==== Record set

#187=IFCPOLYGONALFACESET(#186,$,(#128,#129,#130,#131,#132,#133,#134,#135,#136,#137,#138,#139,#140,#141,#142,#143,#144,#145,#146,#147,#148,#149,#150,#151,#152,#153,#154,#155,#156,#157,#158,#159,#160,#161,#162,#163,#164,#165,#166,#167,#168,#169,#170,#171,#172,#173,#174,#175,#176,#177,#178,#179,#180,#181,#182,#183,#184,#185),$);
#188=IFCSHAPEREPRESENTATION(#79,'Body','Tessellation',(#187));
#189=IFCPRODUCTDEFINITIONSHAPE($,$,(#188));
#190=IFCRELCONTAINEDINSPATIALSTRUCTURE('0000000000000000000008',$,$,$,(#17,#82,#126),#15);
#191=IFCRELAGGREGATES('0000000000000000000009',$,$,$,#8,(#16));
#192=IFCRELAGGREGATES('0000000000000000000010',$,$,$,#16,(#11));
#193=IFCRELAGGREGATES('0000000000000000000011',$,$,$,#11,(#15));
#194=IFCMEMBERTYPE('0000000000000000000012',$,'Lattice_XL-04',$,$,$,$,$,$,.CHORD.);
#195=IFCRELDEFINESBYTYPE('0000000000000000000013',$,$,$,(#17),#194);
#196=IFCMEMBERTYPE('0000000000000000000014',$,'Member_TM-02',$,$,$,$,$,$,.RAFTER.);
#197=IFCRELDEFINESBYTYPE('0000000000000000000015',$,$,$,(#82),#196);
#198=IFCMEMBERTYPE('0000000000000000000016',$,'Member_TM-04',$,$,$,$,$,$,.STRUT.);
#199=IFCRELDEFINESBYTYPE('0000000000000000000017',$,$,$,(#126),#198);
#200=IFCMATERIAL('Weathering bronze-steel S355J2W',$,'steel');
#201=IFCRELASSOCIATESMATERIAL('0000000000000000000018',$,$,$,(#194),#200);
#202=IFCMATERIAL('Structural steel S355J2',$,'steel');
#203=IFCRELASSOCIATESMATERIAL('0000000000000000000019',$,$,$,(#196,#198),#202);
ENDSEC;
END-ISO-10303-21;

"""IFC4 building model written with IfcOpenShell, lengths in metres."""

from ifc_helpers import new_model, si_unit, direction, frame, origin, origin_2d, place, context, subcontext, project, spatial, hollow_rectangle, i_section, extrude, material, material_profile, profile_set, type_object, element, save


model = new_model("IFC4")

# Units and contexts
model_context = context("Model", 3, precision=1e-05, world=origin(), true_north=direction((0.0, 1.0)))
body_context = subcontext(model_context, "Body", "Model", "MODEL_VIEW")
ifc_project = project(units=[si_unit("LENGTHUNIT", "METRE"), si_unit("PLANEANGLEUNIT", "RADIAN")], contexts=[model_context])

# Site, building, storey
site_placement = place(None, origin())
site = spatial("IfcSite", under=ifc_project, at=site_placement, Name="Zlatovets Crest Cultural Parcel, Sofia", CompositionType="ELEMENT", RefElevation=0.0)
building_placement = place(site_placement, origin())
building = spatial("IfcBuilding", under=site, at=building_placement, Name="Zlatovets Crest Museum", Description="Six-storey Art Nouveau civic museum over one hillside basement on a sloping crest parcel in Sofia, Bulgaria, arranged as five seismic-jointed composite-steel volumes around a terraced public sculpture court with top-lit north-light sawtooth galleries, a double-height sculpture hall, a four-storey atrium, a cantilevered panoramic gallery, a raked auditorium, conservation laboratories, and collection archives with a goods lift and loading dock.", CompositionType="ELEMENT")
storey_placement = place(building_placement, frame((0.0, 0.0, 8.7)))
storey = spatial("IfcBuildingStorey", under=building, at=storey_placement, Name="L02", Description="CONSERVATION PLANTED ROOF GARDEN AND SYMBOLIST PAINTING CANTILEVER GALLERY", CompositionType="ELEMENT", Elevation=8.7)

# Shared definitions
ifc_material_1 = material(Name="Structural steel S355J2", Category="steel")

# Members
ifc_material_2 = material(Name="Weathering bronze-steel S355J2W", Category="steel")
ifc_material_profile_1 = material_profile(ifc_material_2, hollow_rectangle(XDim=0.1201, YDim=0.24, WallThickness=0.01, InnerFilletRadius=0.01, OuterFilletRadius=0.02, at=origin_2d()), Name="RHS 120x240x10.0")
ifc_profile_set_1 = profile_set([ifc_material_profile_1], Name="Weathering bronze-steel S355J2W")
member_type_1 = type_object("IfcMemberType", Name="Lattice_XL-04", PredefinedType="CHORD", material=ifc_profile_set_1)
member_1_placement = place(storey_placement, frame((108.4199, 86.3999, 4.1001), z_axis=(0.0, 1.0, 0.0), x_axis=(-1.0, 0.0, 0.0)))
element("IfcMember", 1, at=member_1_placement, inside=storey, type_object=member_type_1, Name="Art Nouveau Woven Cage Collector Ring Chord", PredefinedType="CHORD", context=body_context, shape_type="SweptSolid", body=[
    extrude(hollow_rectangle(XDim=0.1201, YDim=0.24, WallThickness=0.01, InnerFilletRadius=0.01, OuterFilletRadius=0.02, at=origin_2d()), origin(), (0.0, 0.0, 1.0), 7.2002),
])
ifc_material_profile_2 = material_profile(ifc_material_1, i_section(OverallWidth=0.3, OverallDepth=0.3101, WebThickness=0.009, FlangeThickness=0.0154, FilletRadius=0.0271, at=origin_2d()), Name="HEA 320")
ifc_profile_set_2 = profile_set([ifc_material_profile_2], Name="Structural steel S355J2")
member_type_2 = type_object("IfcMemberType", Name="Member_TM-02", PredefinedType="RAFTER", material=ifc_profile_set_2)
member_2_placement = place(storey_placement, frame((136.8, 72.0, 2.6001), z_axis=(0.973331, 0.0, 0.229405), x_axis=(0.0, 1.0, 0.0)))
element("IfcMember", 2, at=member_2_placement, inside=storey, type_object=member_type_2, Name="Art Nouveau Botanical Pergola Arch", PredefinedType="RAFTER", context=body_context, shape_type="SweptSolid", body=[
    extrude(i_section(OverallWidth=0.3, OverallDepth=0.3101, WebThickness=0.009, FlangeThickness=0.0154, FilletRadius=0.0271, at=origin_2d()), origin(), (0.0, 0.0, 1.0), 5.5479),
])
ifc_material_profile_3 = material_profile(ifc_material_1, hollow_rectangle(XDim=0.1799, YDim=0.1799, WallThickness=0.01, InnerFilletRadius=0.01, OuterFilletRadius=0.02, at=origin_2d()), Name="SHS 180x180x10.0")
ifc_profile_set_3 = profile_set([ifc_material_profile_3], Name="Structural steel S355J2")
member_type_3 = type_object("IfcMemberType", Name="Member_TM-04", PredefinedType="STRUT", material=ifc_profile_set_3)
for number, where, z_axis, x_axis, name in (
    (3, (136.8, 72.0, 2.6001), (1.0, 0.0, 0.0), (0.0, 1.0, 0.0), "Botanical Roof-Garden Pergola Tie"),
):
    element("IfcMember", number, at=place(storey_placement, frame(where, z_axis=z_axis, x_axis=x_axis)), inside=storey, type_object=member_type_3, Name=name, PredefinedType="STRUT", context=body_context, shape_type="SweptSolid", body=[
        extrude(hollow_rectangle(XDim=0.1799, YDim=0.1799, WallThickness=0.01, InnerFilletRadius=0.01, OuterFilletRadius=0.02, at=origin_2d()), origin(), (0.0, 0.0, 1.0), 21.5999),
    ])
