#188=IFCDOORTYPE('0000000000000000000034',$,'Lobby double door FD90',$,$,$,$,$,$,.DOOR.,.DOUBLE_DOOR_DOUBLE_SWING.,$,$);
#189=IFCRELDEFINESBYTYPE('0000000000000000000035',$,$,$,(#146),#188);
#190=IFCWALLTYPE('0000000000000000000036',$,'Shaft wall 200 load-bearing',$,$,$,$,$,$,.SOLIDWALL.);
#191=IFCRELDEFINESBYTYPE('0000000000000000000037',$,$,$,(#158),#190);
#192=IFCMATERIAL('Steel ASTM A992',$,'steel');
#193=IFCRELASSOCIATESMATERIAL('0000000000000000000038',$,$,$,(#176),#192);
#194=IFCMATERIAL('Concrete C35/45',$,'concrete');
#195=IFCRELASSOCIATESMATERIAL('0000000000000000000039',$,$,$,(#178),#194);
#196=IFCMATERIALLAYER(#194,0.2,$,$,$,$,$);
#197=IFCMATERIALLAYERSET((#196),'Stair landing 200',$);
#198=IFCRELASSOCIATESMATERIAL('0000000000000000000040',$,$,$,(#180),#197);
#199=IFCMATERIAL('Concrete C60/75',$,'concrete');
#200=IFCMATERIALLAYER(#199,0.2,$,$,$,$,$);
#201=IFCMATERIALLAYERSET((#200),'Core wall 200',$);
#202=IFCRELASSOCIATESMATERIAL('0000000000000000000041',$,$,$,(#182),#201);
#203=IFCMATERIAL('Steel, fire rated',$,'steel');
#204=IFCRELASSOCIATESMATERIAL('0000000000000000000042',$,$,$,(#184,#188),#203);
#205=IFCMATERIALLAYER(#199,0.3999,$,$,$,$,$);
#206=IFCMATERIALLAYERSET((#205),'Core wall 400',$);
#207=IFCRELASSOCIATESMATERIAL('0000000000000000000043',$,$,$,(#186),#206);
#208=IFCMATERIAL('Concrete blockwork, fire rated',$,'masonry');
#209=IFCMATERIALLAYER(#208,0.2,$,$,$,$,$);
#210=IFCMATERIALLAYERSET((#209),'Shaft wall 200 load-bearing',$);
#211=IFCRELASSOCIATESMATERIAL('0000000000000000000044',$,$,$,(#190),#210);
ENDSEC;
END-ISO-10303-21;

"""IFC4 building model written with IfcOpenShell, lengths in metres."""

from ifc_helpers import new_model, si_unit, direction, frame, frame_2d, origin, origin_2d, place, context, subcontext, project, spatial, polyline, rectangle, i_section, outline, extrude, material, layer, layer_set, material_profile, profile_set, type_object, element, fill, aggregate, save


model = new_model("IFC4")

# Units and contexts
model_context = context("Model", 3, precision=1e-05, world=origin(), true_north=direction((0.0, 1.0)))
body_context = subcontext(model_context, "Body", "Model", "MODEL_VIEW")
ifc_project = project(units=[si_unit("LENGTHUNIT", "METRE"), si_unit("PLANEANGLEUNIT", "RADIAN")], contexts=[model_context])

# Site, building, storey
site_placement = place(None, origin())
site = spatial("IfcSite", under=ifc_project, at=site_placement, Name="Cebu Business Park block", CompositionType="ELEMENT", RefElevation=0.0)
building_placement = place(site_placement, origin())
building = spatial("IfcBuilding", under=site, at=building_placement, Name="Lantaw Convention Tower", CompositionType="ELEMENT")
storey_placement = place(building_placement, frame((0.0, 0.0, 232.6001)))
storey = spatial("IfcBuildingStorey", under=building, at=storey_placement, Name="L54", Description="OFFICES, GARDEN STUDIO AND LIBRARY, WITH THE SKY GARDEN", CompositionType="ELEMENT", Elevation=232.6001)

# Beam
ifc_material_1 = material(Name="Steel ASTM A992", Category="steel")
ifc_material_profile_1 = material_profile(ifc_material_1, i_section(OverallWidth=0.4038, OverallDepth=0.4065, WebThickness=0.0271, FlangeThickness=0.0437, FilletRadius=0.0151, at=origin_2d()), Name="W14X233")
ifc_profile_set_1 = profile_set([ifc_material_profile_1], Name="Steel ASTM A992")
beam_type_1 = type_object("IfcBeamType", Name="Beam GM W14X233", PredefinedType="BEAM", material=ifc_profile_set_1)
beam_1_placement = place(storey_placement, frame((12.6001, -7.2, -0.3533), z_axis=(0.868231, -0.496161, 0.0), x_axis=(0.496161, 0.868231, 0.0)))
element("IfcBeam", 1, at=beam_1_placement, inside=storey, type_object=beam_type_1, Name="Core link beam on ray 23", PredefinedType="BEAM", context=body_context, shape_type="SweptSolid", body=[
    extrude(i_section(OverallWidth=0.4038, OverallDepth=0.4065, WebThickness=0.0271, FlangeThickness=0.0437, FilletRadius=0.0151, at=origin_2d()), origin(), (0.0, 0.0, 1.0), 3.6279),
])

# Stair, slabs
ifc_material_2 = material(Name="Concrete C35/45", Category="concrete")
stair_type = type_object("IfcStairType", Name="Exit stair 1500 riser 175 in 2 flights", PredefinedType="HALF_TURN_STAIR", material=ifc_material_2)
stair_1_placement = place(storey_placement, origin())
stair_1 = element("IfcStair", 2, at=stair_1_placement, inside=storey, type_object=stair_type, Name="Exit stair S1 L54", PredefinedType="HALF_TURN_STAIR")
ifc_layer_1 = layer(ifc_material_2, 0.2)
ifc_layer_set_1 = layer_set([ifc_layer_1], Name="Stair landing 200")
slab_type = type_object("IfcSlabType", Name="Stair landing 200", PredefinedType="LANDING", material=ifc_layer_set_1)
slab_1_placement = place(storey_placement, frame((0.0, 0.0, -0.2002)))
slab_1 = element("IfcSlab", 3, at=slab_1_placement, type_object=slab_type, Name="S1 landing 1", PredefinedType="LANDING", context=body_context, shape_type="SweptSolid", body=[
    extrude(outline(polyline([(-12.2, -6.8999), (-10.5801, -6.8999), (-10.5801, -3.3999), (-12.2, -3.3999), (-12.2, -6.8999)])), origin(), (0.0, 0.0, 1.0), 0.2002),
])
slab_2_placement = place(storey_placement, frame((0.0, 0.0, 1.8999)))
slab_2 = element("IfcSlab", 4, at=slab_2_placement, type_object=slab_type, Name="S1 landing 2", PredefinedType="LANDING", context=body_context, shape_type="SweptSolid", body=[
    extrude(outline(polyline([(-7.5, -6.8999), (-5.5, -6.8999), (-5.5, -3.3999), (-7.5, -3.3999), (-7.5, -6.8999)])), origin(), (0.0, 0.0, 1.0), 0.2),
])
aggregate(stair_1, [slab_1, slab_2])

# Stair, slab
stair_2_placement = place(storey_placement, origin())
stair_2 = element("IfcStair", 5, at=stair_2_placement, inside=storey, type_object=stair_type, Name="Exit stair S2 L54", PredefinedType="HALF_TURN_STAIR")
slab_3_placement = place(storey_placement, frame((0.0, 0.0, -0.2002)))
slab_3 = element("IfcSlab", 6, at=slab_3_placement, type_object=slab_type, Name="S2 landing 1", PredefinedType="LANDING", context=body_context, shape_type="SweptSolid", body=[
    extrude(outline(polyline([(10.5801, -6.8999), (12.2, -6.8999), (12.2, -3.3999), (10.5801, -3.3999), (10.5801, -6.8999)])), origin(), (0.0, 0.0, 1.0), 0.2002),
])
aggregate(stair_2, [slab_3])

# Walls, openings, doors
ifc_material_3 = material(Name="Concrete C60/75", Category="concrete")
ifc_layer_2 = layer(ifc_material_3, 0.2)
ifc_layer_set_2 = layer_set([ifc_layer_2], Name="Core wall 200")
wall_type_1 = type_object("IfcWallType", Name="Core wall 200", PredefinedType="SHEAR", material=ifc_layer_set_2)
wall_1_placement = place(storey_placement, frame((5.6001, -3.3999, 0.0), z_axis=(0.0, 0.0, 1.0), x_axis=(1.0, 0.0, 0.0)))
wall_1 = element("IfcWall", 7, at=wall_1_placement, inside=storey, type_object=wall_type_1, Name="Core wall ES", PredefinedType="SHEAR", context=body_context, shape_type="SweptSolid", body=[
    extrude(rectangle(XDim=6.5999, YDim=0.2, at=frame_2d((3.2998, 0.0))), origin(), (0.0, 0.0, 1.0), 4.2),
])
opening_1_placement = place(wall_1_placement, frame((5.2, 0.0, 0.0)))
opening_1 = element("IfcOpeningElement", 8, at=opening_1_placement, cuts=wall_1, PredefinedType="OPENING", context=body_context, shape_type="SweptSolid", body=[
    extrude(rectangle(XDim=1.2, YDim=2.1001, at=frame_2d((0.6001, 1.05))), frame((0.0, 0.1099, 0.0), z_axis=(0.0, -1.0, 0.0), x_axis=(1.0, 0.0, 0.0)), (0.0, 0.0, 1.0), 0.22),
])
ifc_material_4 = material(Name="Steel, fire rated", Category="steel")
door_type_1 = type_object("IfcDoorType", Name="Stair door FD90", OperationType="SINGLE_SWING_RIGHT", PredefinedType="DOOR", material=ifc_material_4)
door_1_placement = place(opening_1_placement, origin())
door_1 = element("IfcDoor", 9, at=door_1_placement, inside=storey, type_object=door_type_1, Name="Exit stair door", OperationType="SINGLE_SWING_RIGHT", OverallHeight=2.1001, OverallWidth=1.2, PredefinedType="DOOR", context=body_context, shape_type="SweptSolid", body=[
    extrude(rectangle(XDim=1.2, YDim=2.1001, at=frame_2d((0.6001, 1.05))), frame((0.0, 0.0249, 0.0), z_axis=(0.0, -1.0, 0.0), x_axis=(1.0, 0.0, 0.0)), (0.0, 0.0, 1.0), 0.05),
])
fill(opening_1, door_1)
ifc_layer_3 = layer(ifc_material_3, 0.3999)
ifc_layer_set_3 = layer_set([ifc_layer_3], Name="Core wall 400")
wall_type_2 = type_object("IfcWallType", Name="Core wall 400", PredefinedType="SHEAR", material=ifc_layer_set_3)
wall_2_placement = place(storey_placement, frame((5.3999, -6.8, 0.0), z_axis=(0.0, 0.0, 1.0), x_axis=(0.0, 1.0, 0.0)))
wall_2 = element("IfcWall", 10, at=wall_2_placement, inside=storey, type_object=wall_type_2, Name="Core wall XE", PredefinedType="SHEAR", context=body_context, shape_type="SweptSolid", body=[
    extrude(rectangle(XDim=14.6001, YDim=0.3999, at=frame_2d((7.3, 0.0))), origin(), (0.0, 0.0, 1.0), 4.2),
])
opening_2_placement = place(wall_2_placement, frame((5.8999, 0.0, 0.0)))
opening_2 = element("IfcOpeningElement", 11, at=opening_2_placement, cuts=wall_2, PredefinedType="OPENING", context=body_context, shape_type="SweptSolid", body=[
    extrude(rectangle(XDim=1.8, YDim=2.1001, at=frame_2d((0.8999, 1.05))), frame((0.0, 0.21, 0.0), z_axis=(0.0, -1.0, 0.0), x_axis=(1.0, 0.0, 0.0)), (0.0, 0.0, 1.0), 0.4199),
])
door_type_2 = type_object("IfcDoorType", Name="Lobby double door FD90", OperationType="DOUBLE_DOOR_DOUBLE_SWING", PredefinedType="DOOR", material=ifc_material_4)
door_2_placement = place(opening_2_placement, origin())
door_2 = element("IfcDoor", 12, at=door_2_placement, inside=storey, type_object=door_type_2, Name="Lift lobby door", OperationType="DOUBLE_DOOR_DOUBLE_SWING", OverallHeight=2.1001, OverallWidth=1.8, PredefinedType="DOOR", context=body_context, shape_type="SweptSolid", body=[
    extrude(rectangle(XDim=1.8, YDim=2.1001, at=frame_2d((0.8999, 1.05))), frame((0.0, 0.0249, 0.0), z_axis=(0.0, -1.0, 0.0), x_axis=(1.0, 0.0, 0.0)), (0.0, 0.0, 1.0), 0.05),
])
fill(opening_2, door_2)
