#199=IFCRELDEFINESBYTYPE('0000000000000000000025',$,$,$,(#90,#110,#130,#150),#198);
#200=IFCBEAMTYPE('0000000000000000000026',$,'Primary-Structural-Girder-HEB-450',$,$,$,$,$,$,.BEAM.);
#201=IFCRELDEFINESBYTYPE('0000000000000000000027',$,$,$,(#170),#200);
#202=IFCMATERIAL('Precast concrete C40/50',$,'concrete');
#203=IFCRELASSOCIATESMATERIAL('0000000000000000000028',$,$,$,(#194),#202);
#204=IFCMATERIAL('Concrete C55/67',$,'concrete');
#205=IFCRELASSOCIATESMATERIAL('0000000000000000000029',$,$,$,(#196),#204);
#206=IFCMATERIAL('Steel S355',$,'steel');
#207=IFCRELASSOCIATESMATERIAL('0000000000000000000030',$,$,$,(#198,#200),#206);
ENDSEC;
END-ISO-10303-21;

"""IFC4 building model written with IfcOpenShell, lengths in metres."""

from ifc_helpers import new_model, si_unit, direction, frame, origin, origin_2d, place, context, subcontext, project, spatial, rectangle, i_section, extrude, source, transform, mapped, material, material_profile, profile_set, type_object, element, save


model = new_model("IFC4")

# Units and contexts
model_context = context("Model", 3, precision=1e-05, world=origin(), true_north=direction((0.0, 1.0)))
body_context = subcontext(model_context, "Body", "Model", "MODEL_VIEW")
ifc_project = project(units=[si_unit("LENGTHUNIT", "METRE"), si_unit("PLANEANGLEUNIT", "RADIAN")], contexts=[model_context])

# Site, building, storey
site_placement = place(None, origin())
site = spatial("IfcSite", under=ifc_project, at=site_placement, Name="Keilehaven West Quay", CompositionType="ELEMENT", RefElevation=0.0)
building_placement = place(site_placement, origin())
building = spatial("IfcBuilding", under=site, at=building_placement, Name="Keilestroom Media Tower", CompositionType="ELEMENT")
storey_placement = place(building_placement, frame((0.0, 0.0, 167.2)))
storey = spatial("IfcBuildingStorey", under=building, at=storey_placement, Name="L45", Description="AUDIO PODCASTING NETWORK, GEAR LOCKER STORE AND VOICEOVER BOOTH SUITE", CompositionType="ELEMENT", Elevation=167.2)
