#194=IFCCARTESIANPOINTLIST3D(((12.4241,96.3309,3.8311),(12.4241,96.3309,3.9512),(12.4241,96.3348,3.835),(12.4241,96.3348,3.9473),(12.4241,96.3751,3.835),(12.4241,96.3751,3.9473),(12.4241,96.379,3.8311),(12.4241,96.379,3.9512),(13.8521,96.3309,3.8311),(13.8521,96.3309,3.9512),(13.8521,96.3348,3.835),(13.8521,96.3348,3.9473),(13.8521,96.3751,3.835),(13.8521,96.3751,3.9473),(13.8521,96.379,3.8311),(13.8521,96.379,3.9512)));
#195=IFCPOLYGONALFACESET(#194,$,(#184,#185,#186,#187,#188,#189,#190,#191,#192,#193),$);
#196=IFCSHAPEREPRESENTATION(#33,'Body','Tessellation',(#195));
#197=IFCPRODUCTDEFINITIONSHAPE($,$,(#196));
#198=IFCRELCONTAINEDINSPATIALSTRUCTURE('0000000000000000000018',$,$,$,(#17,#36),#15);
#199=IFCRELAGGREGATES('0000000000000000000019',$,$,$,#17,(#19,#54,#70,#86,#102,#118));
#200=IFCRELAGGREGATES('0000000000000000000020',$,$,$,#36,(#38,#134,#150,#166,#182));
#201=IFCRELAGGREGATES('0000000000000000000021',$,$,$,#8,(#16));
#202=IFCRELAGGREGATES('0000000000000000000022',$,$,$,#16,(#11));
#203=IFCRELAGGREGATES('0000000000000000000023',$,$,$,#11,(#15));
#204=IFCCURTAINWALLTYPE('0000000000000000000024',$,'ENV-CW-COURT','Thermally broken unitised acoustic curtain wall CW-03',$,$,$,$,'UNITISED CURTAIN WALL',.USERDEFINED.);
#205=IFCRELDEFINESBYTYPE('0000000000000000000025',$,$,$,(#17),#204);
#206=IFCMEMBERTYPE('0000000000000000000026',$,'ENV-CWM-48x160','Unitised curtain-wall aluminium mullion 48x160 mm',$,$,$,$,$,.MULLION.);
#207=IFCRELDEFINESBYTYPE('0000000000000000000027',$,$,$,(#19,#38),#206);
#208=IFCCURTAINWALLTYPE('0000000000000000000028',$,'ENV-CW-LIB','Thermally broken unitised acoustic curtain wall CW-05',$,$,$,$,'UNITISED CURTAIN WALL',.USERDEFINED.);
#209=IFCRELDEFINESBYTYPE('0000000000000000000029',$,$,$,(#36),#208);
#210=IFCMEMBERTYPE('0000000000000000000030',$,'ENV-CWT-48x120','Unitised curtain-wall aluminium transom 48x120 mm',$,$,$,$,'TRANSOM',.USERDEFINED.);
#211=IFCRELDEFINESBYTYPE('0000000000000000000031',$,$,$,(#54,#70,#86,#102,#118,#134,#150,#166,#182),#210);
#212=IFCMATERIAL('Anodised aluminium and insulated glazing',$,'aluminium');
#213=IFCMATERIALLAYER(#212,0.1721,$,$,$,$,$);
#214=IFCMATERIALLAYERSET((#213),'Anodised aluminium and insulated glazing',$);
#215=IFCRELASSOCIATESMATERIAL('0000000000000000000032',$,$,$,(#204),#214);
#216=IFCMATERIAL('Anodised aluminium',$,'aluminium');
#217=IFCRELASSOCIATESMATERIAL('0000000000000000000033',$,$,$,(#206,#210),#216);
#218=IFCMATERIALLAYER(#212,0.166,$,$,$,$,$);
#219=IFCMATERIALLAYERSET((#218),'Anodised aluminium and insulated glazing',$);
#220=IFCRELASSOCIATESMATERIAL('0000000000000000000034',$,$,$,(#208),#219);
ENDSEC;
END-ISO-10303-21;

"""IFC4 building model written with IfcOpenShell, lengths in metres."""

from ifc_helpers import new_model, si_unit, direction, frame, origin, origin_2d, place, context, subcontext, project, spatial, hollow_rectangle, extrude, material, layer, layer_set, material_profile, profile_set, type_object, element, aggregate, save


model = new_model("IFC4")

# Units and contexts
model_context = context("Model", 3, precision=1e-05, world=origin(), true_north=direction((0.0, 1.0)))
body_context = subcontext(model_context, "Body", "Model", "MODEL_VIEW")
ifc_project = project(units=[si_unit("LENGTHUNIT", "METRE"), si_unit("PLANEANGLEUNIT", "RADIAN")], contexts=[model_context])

========

◆ Activity: Match on "rated" and report each line of the data above that has it.

◆ Reply:
#203=IFCMATERIAL('Steel, fire rated',$,'steel');
#208=IFCMATERIAL('Concrete blockwork, fire rated',$,'masonry');
ifc_material_4 = material(Name="Steel, fire rated", Category="steel")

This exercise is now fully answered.